● Try it:
Among the lines below, restate word for word only those from the line with "#37=IFCINDEXEDPOLYGONALFACE((5,7,8,6));" through the line with "#57=IFCINDEXEDPOLYGONALFACE((1,3,7,5));", with both end lines kept.

== Material supplied

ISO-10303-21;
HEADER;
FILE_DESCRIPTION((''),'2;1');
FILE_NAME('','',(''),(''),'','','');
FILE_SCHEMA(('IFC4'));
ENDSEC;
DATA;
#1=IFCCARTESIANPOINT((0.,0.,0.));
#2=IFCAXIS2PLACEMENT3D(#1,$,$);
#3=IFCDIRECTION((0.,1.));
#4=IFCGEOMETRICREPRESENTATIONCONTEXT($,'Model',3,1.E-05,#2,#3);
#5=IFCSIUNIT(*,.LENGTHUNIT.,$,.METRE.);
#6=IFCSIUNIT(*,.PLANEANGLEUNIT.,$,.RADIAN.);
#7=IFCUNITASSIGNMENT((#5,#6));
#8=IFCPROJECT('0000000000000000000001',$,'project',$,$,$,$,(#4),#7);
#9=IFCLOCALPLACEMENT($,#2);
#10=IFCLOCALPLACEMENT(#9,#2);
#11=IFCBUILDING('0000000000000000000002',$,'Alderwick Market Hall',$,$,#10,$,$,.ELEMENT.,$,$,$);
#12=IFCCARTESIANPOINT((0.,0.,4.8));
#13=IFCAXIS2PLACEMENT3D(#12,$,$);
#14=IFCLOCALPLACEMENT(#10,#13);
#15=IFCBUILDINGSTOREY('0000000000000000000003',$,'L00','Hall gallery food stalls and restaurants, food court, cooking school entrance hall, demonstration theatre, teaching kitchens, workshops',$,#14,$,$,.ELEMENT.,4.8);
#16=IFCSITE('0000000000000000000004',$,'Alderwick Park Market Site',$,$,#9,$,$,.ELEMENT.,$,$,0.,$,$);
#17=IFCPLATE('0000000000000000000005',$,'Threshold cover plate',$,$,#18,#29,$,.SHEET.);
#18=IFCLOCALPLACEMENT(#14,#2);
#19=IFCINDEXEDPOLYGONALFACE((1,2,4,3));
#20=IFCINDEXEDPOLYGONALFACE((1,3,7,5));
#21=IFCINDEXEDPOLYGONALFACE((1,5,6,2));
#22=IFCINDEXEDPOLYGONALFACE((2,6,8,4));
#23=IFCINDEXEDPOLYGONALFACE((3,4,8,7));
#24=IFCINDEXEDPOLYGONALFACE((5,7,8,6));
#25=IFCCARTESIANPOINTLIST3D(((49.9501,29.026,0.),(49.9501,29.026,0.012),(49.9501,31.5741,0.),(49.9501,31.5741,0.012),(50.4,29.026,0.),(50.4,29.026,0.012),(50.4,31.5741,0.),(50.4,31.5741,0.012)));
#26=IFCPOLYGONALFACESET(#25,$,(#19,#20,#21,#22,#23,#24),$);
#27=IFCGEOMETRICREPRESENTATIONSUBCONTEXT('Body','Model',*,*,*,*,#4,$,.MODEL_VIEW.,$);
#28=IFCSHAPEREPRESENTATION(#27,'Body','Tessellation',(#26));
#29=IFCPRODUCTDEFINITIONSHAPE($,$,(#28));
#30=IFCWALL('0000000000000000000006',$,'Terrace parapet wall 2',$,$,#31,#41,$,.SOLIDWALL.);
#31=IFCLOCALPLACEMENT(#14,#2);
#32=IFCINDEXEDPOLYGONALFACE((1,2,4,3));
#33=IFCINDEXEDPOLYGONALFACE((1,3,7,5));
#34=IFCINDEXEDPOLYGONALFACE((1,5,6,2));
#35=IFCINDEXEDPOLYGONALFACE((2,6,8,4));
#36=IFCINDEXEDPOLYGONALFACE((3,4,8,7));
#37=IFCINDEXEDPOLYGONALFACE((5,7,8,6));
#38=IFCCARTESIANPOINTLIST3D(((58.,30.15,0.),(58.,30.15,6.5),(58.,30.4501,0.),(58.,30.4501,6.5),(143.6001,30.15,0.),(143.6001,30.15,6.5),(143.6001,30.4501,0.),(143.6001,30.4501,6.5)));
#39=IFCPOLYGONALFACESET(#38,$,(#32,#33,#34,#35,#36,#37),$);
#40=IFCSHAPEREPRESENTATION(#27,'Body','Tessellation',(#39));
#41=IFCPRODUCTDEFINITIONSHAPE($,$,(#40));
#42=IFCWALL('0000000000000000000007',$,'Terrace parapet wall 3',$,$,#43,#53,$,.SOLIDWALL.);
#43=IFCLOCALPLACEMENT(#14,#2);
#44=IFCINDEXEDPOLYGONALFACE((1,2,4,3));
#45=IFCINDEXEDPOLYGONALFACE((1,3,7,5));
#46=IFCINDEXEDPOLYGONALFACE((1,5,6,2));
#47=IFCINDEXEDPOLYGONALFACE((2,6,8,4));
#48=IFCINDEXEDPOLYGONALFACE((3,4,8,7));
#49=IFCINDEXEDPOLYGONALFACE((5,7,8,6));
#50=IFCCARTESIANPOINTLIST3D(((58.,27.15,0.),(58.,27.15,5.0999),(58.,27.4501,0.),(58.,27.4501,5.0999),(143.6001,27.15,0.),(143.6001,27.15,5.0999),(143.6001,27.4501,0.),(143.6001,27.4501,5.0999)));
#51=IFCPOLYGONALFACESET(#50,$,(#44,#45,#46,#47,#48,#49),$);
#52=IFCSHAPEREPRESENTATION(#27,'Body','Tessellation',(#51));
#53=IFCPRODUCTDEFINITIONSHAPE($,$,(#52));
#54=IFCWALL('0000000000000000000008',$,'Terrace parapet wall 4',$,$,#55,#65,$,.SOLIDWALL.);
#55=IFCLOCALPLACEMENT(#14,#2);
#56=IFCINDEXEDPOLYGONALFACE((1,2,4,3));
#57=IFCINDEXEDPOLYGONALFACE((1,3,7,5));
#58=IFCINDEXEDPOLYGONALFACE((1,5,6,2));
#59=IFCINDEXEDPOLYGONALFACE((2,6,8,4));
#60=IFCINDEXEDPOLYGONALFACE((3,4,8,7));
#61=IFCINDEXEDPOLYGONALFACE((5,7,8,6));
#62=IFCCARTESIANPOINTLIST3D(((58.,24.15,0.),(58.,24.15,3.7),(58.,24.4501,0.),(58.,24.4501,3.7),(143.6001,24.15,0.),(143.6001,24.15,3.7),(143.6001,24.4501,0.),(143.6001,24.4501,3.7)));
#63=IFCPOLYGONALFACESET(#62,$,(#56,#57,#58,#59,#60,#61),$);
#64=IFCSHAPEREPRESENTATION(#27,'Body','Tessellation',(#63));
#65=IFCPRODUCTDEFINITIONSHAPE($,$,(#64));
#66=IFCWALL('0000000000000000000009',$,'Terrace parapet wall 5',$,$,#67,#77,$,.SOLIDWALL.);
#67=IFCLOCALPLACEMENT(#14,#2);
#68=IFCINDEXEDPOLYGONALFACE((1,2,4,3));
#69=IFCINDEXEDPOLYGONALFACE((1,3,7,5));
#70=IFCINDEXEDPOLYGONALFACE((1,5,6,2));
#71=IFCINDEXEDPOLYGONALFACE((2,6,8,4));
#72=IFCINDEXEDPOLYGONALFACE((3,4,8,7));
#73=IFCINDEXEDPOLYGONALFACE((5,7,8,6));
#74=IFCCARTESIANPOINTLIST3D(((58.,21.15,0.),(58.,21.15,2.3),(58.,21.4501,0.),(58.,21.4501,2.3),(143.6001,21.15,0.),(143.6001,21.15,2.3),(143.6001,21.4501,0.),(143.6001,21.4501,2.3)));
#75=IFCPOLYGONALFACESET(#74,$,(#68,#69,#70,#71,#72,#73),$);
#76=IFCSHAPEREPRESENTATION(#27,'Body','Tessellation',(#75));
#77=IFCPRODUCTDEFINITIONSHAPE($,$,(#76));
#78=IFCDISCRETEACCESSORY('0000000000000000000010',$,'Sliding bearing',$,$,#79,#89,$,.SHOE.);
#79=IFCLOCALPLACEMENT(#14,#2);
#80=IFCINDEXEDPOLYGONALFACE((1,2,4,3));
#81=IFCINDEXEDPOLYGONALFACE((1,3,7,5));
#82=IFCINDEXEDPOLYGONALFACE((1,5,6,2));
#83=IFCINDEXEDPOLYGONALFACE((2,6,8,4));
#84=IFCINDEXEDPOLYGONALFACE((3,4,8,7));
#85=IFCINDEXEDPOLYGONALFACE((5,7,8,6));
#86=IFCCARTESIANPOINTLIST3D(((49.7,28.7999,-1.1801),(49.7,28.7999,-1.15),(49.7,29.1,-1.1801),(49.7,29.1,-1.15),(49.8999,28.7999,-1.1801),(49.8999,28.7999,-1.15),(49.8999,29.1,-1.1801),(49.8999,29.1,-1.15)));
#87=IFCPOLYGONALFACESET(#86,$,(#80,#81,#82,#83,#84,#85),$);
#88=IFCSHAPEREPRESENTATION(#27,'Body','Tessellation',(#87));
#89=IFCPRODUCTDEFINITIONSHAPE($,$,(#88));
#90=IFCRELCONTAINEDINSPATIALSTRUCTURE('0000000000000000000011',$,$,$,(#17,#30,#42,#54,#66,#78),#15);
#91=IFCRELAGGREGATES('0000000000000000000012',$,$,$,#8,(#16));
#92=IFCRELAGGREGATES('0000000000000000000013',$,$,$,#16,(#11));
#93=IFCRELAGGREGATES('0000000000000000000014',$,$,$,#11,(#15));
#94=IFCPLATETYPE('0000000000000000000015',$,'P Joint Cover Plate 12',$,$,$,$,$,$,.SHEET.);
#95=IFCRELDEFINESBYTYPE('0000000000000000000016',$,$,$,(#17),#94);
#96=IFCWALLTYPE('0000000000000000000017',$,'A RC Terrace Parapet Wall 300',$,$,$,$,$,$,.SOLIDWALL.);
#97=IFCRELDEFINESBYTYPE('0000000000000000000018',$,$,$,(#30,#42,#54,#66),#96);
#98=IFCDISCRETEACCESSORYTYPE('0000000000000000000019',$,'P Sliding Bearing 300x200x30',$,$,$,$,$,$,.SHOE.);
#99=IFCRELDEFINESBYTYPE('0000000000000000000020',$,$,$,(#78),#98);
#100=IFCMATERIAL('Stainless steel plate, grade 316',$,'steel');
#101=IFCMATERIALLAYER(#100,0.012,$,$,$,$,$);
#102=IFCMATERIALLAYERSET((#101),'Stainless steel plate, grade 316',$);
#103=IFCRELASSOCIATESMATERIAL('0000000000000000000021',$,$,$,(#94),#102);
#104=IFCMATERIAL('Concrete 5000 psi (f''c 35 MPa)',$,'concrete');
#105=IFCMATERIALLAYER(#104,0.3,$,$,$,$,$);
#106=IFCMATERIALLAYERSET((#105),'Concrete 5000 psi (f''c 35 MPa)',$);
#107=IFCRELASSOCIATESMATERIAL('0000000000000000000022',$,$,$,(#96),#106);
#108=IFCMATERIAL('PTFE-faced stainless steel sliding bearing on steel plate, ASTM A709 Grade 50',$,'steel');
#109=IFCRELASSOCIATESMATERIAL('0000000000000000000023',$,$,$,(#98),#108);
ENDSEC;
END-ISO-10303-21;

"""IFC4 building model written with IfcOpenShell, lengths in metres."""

from ifc_helpers import new_model, si_unit, direction, frame, frame_2d, origin, origin_2d, place, context, subcontext, project, spatial, rectangle, extrude, material, layer, layer_set, material_profile, profile_set, type_object, element, save


model = new_model("IFC4")

# Units and contexts
model_context = context("Model", 3, precision=1e-05, world=origin(), true_north=direction((0.0, 1.0)))
body_context = subcontext(model_context, "Body", "Model", "MODEL_VIEW")
ifc_project = project(units=[si_unit("LENGTHUNIT", "METRE"), si_unit("PLANEANGLEUNIT", "RADIAN")], contexts=[model_context])

# Site, building, storey
site_placement = place(None, origin())
site = spatial("IfcSite", under=ifc_project, at=site_placement, Name="Alderwick Park Market Site", CompositionType="ELEMENT", RefElevation=0.0)
building_placement = place(site_placement, origin())
building = spatial("IfcBuilding", under=site, at=building_placement, Name="Alderwick Market Hall", CompositionType="ELEMENT")
storey_placement = place(building_placement, frame((0.0, 0.0, 4.8)))
storey = spatial("IfcBuildingStorey", under=building, at=storey_placement, Name="L00", Description="Hall gallery food stalls and restaurants, food court, cooking school entrance hall, demonstration theatre, teaching kitchens, workshops", CompositionType="ELEMENT", Elevation=4.8)

# Shared definitions
ifc_material_1 = material(Name="Concrete 5000 psi (f'c 35 MPa)", Category="concrete")

# Plate
ifc_material_2 = material(Name="Stainless steel plate, grade 316", Category="steel")
ifc_layer_1 = layer(ifc_material_2, 0.012)
ifc_layer_set_1 = layer_set([ifc_layer_1], Name="Stainless steel plate, grade 316")
plate_type_1 = type_object("IfcPlateType", Name="P Joint Cover Plate 12", PredefinedType="SHEET", material=ifc_layer_set_1)
plate_1_placement = place(storey_placement, frame((50.175, 30.3, 0.0), z_axis=(0.0, 0.0, 1.0), x_axis=(1.0, 0.0, 0.0)))
element("IfcPlate", 1, at=plate_1_placement, inside=storey, type_object=plate_type_1, Name="Threshold cover plate", PredefinedType="SHEET", context=body_context, shape_type="SweptSolid", body=[
    extrude(rectangle(XDim=0.45, YDim=2.5481, at=origin_2d()), origin(), (0.0, 0.0, 1.0), 0.012),
])

# Walls
ifc_layer_2 = layer(ifc_material_1, 0.3)
ifc_layer_set_2 = layer_set([ifc_layer_2], Name="Concrete 5000 psi (f'c 35 MPa)")
wall_type_1 = type_object("IfcWallType", Name="A RC Terrace Parapet Wall 300", PredefinedType="SOLIDWALL", material=ifc_layer_set_2)
wall_1_placement = place(storey_placement, frame((58.0, 30.3, 0.0), z_axis=(0.0, 0.0, 1.0), x_axis=(1.0, 0.0, 0.0)))
element("IfcWall", 2, at=wall_1_placement, inside=storey, type_object=wall_type_1, Name="Terrace parapet wall 2", PredefinedType="SOLIDWALL", context=body_context, shape_type="SweptSolid", body=[
    extrude(rectangle(XDim=85.6001, YDim=0.3, at=frame_2d((42.8, 0.0))), origin(), (0.0, 0.0, 1.0), 6.5),
])
wall_2_placement = place(storey_placement, frame((58.0, 27.3, 0.0), z_axis=(0.0, 0.0, 1.0), x_axis=(1.0, 0.0, 0.0)))
element("IfcWall", 3, at=wall_2_placement, inside=storey, type_object=wall_type_1, Name="Terrace parapet wall 3", PredefinedType="SOLIDWALL", context=body_context, shape_type="SweptSolid", body=[
    extrude(rectangle(XDim=85.6001, YDim=0.3, at=frame_2d((42.8, 0.0))), origin(), (0.0, 0.0, 1.0), 5.0999),
])
wall_3_placement = place(storey_placement, frame((58.0, 24.3, 0.0), z_axis=(0.0, 0.0, 1.0), x_axis=(1.0, 0.0, 0.0)))
element("IfcWall", 4, at=wall_3_placement, inside=storey, type_object=wall_type_1, Name="Terrace parapet wall 4", PredefinedType="SOLIDWALL", context=body_context, shape_type="SweptSolid", body=[
    extrude(rectangle(XDim=85.6001, YDim=0.3, at=frame_2d((42.8, 0.0))), origin(), (0.0, 0.0, 1.0), 3.7),
])
wall_4_placement = place(storey_placement, frame((58.0, 21.3, 0.0), z_axis=(0.0, 0.0, 1.0), x_axis=(1.0, 0.0, 0.0)))
element("IfcWall", 5, at=wall_4_placement, inside=storey, type_object=wall_type_1, Name="Terrace parapet wall 5", PredefinedType="SOLIDWALL", context=body_context, shape_type="SweptSolid", body=[
    extrude(rectangle(XDim=85.6001, YDim=0.3, at=frame_2d((42.8, 0.0))), origin(), (0.0, 0.0, 1.0), 2.3),
])

# Discrete accessory
ifc_material_3 = material(Name="PTFE-faced stainless steel sliding bearing on steel plate, ASTM A709 Grade 50", Category="steel")
ifc_material_profile_1 = material_profile(ifc_material_3, rectangle(XDim=0.3, YDim=0.03, at=origin_2d()), Name="P Sliding Bearing 300x200x30")
ifc_profile_set_1 = profile_set([ifc_material_profile_1], Name="PTFE-faced stainless steel sliding bearing on steel plate, ASTM A709 Grade 50")
discrete_accessory_type = type_object("IfcDiscreteAccessoryType", Name="P Sliding Bearing 300x200x30", PredefinedType="SHOE", material=ifc_profile_set_1)
discrete_accessory_placement = place(storey_placement, frame((49.7, 28.95, -1.165), z_axis=(1.0, 0.0, 0.0), x_axis=(0.0, 1.0, 0.0)))
element("IfcDiscreteAccessory", 6, at=discrete_accessory_placement, inside=storey, type_object=discrete_accessory_type, Name="Sliding bearing", PredefinedType="SHOE", context=body_context, shape_type="SweptSolid", body=[
    extrude(rectangle(XDim=0.3, YDim=0.03, at=origin_2d()), origin(), (0.0, 0.0, 1.0), 0.2),
])

save(model, "model.ifc")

====

● Result for this exercise:
#37=IFCINDEXEDPOLYGONALFACE((5,7,8,6));
#38=IFCCARTESIANPOINTLIST3D(((58.,30.15,0.),(58.,30.15,6.5),(58.,30.4501,0.),(58.,30.4501,6.5),(143.6001,30.15,0.),(143.6001,30.15,6.5),(143.6001,30.4501,0.),(143.6001,30.4501,6.5)));
#39=IFCPOLYGONALFACESET(#38,$,(#32,#33,#34,#35,#36,#37),$);
#40=IFCSHAPEREPRESENTATION(#27,'Body','Tessellation',(#39));
#41=IFCPRODUCTDEFINITIONSHAPE($,$,(#40));
#42=IFCWALL('0000000000000000000007',$,'Terrace parapet wall 3',$,$,#43,#53,$,.SOLIDWALL.);
#43=IFCLOCALPLACEMENT(#14,#2);
#44=IFCINDEXEDPOLYGONALFACE((1,2,4,3));
#45=IFCINDEXEDPOLYGONALFACE((1,3,7,5));
#46=IFCINDEXEDPOLYGONALFACE((1,5,6,2));
#47=IFCINDEXEDPOLYGONALFACE((2,6,8,4));
#48=IFCINDEXEDPOLYGONALFACE((3,4,8,7));
#49=IFCINDEXEDPOLYGONALFACE((5,7,8,6));
#50=IFCCARTESIANPOINTLIST3D(((58.,27.15,0.),(58.,27.15,5.0999),(58.,27.4501,0.),(58.,27.4501,5.0999),(143.6001,27.15,0.),(143.6001,27.15,5.0999),(143.6001,27.4501,0.),(143.6001,27.4501,5.0999)));
#51=IFCPOLYGONALFACESET(#50,$,(#44,#45,#46,#47,#48,#49),$);
#52=IFCSHAPEREPRESENTATION(#27,'Body','Tessellation',(#51));
#53=IFCPRODUCTDEFINITIONSHAPE($,$,(#52));
#54=IFCWALL('0000000000000000000008',$,'Terrace parapet wall 4',$,$,#55,#65,$,.SOLIDWALL.);
#55=IFCLOCALPLACEMENT(#14,#2);
#56=IFCINDEXEDPOLYGONALFACE((1,2,4,3));
#57=IFCINDEXEDPOLYGONALFACE((1,3,7,5));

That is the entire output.